- _YOUR INSTRUCTIONS_
Present each line of the entries below that holds the word "BORED".

══ EXERCISE INPUTS ══

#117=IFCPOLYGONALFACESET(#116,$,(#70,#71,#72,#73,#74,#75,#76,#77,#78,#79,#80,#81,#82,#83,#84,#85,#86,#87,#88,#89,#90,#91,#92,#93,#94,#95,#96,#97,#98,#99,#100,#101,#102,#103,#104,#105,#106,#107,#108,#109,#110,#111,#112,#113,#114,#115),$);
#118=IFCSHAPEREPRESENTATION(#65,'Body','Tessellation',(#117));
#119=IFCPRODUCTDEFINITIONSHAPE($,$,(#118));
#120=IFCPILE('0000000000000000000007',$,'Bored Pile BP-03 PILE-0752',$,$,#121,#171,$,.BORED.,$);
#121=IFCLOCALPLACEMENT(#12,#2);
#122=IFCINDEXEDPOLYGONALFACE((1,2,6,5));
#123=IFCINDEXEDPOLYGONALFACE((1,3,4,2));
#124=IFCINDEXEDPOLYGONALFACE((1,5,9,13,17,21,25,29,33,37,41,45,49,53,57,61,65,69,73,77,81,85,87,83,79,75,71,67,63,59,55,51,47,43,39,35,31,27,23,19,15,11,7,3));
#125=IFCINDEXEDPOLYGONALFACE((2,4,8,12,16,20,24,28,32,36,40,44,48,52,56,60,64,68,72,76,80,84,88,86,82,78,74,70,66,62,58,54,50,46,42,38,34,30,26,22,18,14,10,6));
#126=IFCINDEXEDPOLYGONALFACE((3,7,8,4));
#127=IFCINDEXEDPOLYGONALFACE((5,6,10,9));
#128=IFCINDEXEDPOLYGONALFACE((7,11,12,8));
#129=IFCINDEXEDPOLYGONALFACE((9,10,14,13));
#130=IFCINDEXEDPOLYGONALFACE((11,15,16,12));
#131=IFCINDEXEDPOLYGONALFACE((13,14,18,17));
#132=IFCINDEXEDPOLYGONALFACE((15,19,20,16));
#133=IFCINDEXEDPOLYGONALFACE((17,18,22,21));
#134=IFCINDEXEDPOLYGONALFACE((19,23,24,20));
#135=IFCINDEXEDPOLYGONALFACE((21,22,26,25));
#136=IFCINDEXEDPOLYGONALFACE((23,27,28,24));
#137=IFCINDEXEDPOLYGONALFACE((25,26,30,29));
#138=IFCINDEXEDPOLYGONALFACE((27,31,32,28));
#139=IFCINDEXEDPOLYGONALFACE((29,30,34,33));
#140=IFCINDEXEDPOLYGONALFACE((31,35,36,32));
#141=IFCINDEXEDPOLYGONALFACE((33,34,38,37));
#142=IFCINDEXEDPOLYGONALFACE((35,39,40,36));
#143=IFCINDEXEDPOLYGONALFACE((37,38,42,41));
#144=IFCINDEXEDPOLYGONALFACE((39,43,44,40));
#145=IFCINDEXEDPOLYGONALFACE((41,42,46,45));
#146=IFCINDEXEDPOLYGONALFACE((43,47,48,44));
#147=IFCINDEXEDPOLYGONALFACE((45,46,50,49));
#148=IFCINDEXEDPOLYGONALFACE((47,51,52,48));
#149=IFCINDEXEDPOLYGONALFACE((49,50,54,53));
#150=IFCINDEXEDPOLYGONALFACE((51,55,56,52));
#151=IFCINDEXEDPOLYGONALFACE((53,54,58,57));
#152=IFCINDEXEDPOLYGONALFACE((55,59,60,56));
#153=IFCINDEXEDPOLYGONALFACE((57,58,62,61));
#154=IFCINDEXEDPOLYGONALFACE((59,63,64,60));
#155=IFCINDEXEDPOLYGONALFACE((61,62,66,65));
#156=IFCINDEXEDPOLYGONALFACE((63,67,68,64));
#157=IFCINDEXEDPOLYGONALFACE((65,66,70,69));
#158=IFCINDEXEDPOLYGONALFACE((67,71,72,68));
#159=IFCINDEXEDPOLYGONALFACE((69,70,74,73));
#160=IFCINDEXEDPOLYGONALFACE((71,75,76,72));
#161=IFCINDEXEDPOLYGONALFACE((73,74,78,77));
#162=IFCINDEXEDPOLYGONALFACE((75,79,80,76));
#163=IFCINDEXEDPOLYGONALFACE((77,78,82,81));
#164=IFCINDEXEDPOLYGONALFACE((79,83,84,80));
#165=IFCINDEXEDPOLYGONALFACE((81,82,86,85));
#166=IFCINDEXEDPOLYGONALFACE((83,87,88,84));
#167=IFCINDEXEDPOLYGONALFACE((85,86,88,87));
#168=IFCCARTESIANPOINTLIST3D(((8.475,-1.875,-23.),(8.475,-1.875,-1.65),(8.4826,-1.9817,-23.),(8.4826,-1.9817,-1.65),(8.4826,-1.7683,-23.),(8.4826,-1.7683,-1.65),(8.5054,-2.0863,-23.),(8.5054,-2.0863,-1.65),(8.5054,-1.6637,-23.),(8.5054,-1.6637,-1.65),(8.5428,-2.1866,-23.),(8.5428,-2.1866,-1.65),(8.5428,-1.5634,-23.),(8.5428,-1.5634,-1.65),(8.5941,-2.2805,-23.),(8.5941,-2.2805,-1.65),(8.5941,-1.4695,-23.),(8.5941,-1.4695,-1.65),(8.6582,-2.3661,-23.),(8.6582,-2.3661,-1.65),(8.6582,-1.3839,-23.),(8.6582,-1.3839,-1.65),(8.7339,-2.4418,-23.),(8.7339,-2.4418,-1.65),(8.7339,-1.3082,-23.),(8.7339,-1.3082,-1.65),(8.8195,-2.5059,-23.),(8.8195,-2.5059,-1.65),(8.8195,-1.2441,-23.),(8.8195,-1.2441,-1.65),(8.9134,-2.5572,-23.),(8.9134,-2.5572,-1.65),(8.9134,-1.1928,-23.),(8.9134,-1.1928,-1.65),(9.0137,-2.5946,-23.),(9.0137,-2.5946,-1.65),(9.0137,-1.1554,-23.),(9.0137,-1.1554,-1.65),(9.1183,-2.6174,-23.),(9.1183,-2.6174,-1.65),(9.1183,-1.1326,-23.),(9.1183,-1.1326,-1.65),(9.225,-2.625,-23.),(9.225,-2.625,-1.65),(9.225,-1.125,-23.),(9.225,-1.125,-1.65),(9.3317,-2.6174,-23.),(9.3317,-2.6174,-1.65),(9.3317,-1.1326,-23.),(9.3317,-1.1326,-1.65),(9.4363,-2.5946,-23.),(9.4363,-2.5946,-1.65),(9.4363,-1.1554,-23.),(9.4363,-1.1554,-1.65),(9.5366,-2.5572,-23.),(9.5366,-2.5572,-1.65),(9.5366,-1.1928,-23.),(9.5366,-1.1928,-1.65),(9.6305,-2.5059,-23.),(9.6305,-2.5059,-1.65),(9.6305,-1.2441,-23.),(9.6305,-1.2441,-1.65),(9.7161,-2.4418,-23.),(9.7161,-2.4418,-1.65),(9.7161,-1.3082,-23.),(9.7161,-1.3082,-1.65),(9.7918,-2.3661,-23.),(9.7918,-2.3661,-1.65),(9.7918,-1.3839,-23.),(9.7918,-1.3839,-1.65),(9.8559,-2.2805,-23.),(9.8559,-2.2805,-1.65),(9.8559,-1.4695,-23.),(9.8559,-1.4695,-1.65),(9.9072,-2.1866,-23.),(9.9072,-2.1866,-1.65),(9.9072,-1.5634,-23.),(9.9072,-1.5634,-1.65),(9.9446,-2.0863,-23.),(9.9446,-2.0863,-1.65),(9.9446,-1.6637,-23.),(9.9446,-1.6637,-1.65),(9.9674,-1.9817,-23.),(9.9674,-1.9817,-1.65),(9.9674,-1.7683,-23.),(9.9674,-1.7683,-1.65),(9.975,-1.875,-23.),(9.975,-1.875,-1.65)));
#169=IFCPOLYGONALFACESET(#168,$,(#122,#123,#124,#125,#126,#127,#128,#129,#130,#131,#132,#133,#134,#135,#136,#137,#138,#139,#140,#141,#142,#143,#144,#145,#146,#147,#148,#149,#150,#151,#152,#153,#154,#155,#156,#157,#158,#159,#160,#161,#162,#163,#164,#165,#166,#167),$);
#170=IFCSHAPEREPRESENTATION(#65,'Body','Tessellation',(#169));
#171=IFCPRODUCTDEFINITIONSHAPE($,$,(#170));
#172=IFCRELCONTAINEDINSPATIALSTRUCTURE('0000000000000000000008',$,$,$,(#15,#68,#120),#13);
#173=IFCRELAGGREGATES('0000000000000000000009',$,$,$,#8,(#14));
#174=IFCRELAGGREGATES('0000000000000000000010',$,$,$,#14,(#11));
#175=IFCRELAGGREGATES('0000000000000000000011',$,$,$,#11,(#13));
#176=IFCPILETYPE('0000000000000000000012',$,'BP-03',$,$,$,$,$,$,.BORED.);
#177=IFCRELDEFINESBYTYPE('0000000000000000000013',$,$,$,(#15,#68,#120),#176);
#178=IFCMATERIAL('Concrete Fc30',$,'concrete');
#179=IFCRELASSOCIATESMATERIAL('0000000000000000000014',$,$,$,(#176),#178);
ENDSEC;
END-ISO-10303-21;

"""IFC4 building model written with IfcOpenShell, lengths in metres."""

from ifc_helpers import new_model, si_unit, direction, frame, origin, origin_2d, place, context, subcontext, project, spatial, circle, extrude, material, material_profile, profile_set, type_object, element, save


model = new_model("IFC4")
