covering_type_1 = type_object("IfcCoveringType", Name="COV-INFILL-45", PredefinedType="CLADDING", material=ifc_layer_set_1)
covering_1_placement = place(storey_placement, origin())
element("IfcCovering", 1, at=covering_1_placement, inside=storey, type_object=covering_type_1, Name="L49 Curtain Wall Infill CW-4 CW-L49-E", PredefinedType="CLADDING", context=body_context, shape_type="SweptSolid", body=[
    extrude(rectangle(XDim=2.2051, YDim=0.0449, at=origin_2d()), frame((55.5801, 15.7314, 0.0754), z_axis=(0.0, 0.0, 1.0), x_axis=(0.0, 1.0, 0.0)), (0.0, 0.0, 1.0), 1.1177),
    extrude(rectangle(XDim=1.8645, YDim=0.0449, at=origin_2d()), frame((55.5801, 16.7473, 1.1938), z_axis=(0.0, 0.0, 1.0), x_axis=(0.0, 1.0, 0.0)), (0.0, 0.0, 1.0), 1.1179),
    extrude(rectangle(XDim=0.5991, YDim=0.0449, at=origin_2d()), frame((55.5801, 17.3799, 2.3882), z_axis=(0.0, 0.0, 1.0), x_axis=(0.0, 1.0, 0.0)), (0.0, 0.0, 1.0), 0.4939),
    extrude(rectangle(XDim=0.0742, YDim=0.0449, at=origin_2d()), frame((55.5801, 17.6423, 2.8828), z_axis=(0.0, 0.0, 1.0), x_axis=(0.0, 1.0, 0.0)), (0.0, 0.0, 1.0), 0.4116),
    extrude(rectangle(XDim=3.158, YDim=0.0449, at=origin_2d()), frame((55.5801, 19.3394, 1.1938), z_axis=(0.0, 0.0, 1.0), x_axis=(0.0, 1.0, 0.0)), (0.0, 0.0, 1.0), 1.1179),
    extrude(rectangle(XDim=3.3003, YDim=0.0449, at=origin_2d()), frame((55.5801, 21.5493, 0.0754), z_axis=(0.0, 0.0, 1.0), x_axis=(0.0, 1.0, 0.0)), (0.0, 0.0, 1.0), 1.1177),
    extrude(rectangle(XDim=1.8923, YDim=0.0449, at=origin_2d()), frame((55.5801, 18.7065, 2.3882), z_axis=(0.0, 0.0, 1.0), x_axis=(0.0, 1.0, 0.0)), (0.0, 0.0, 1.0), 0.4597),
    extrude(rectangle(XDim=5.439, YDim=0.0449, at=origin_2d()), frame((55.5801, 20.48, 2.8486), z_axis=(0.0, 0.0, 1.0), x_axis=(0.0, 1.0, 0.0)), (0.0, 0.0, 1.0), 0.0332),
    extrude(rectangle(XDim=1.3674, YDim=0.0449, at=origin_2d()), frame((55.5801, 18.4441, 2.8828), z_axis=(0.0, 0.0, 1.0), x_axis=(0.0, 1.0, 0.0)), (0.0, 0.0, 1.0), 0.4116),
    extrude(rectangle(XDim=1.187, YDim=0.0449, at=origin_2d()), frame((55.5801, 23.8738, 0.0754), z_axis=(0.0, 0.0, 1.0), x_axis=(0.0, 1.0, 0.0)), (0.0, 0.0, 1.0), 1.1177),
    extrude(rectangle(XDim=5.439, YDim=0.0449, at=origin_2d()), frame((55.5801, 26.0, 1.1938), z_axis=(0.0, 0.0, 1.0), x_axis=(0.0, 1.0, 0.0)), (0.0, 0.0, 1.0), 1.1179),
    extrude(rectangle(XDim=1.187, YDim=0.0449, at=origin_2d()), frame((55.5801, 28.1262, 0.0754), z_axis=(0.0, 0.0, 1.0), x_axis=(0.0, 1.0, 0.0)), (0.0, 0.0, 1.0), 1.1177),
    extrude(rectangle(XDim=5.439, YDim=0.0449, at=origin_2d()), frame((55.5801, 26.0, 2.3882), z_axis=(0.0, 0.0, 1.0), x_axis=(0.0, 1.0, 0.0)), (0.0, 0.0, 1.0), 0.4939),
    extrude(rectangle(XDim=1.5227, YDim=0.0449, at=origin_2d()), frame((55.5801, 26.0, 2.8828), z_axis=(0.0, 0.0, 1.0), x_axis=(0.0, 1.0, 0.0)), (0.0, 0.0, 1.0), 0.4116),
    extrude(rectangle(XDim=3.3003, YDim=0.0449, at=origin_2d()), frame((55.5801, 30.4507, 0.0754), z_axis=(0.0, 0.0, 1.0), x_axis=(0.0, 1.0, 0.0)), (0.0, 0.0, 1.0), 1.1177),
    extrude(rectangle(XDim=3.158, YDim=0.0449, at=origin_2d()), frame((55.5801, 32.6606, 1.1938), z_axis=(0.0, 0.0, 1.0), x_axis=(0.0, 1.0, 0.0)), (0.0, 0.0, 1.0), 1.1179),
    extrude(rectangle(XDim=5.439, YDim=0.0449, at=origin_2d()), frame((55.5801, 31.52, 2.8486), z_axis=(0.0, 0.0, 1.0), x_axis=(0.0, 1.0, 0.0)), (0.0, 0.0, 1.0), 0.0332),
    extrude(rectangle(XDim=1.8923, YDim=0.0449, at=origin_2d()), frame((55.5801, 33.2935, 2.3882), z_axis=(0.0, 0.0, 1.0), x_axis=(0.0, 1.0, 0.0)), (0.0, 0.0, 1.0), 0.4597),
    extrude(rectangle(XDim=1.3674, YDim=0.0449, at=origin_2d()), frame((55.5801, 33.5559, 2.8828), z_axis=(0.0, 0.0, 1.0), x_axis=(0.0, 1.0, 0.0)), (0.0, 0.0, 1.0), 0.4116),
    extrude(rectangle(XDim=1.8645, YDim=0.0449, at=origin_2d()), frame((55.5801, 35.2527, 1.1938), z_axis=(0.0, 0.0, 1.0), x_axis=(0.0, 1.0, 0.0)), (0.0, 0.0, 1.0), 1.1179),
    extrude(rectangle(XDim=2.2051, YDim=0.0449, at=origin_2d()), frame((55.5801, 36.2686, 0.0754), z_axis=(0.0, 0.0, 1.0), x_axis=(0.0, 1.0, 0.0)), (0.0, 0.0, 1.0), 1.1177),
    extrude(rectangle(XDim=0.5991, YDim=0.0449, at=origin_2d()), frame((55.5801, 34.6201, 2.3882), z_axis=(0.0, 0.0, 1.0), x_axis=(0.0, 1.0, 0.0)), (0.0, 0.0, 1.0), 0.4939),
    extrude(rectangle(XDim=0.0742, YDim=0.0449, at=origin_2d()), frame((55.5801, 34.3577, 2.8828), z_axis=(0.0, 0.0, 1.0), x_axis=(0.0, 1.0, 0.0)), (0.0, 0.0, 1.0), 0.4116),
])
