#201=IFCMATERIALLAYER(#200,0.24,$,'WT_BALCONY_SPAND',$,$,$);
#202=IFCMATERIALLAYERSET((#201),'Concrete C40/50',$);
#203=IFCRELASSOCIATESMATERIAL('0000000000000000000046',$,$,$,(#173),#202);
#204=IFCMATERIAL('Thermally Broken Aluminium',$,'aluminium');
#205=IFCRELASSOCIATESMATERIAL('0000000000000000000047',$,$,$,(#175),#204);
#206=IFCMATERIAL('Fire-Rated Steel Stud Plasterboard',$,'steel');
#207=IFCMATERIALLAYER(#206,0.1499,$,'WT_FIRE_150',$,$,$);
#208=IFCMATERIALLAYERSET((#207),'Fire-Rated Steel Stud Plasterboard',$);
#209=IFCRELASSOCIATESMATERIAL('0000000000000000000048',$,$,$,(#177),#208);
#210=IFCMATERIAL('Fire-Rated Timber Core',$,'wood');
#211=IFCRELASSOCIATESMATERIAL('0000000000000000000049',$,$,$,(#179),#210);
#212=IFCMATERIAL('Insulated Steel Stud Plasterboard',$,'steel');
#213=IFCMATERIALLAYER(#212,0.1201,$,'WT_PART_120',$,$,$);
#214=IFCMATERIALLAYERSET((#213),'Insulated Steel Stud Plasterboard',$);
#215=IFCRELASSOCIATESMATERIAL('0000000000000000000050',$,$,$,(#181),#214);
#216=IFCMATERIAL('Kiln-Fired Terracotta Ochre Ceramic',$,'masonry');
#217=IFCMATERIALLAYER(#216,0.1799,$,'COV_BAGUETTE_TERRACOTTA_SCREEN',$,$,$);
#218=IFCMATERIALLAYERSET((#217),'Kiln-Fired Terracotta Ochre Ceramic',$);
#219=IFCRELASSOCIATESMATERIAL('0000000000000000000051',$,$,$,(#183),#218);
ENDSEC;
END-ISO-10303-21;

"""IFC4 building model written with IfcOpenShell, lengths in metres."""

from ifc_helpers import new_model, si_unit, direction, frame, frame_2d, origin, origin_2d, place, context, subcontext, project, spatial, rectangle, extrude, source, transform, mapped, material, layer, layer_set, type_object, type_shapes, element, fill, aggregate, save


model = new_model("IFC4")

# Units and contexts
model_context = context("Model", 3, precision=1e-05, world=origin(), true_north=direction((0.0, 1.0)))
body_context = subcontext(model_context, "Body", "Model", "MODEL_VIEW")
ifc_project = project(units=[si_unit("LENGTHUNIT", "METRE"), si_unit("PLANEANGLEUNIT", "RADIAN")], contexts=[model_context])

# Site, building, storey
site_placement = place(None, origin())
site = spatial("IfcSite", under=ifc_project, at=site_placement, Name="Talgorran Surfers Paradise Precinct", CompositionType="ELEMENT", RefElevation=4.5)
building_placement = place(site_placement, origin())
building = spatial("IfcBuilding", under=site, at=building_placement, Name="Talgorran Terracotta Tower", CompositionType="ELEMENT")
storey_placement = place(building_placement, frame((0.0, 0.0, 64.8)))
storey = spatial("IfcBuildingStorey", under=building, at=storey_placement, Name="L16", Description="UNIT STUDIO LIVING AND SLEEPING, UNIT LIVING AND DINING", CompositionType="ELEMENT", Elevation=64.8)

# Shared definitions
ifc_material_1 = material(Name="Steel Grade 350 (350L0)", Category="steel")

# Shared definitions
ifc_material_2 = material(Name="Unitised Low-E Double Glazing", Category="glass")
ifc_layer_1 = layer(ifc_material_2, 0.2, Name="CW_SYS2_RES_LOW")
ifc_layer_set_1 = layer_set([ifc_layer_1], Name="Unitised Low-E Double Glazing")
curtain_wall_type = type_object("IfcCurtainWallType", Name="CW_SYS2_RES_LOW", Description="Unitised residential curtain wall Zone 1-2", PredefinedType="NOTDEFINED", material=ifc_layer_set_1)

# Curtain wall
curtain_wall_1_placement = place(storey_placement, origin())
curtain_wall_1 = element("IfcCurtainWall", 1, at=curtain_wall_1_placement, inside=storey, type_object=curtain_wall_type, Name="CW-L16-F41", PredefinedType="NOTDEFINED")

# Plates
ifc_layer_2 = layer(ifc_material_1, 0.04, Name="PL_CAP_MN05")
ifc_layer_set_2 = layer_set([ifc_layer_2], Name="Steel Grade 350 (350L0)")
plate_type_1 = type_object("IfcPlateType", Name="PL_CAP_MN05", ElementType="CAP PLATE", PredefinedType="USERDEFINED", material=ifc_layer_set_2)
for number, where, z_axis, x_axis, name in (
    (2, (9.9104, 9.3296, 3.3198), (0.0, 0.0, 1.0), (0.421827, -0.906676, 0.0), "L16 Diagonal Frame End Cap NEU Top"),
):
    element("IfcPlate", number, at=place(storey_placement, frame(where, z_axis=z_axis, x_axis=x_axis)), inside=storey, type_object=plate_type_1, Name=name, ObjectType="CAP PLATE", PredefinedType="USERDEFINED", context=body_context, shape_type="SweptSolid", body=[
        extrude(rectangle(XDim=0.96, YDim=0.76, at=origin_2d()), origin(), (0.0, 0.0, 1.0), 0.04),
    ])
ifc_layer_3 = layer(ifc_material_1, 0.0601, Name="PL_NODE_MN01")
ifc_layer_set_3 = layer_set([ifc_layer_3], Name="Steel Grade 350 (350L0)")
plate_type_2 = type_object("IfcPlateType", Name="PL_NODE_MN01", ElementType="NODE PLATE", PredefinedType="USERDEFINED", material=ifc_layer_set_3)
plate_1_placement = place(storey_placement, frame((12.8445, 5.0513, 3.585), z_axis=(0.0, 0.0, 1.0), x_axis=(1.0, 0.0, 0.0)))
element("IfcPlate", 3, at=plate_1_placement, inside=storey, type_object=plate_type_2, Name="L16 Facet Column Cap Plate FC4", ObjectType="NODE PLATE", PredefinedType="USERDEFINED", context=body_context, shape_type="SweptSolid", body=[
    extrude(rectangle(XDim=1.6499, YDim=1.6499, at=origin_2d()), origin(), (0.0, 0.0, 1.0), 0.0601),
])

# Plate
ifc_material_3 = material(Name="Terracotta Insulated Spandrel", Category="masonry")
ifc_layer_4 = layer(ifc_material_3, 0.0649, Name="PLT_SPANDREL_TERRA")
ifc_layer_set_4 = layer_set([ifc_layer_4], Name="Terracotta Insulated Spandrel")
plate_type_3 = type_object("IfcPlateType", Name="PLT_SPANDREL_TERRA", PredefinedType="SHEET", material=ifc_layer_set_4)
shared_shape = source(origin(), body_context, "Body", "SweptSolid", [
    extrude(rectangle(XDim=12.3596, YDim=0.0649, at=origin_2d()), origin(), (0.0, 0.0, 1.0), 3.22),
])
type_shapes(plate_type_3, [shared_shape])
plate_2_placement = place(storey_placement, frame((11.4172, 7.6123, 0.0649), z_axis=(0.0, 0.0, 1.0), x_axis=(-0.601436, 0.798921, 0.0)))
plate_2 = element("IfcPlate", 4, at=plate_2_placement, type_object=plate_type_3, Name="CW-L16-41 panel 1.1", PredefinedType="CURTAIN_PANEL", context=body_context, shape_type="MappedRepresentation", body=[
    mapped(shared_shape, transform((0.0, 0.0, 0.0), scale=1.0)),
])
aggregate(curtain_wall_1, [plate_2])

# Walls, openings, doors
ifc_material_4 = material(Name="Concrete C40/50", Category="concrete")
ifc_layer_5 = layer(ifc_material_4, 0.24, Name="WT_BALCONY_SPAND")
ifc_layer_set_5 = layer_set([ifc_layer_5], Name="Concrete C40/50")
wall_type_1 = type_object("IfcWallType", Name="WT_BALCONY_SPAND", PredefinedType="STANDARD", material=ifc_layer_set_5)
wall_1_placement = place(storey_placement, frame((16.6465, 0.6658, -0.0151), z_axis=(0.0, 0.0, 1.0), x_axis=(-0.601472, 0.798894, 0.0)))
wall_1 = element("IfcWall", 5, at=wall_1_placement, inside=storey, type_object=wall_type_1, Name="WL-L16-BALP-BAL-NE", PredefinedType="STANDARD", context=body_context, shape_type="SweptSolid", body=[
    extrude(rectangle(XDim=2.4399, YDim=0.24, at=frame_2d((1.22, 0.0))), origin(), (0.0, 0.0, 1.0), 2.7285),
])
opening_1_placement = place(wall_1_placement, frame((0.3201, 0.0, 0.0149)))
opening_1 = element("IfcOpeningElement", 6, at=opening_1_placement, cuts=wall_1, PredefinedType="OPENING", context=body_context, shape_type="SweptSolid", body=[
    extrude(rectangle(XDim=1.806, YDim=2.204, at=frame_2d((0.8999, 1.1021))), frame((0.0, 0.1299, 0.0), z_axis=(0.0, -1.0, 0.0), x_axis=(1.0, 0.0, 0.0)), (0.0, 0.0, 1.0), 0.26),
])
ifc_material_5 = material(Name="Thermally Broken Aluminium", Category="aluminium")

═══

- _YOUR RESPONSE_
#120=IFCPILE('0000000000000000000007',$,'Bored Pile BP-03 PILE-0752',$,$,#121,#171,$,.BORED.,$);
#176=IFCPILETYPE('0000000000000000000012',$,'BP-03',$,$,$,$,$,$,.BORED.);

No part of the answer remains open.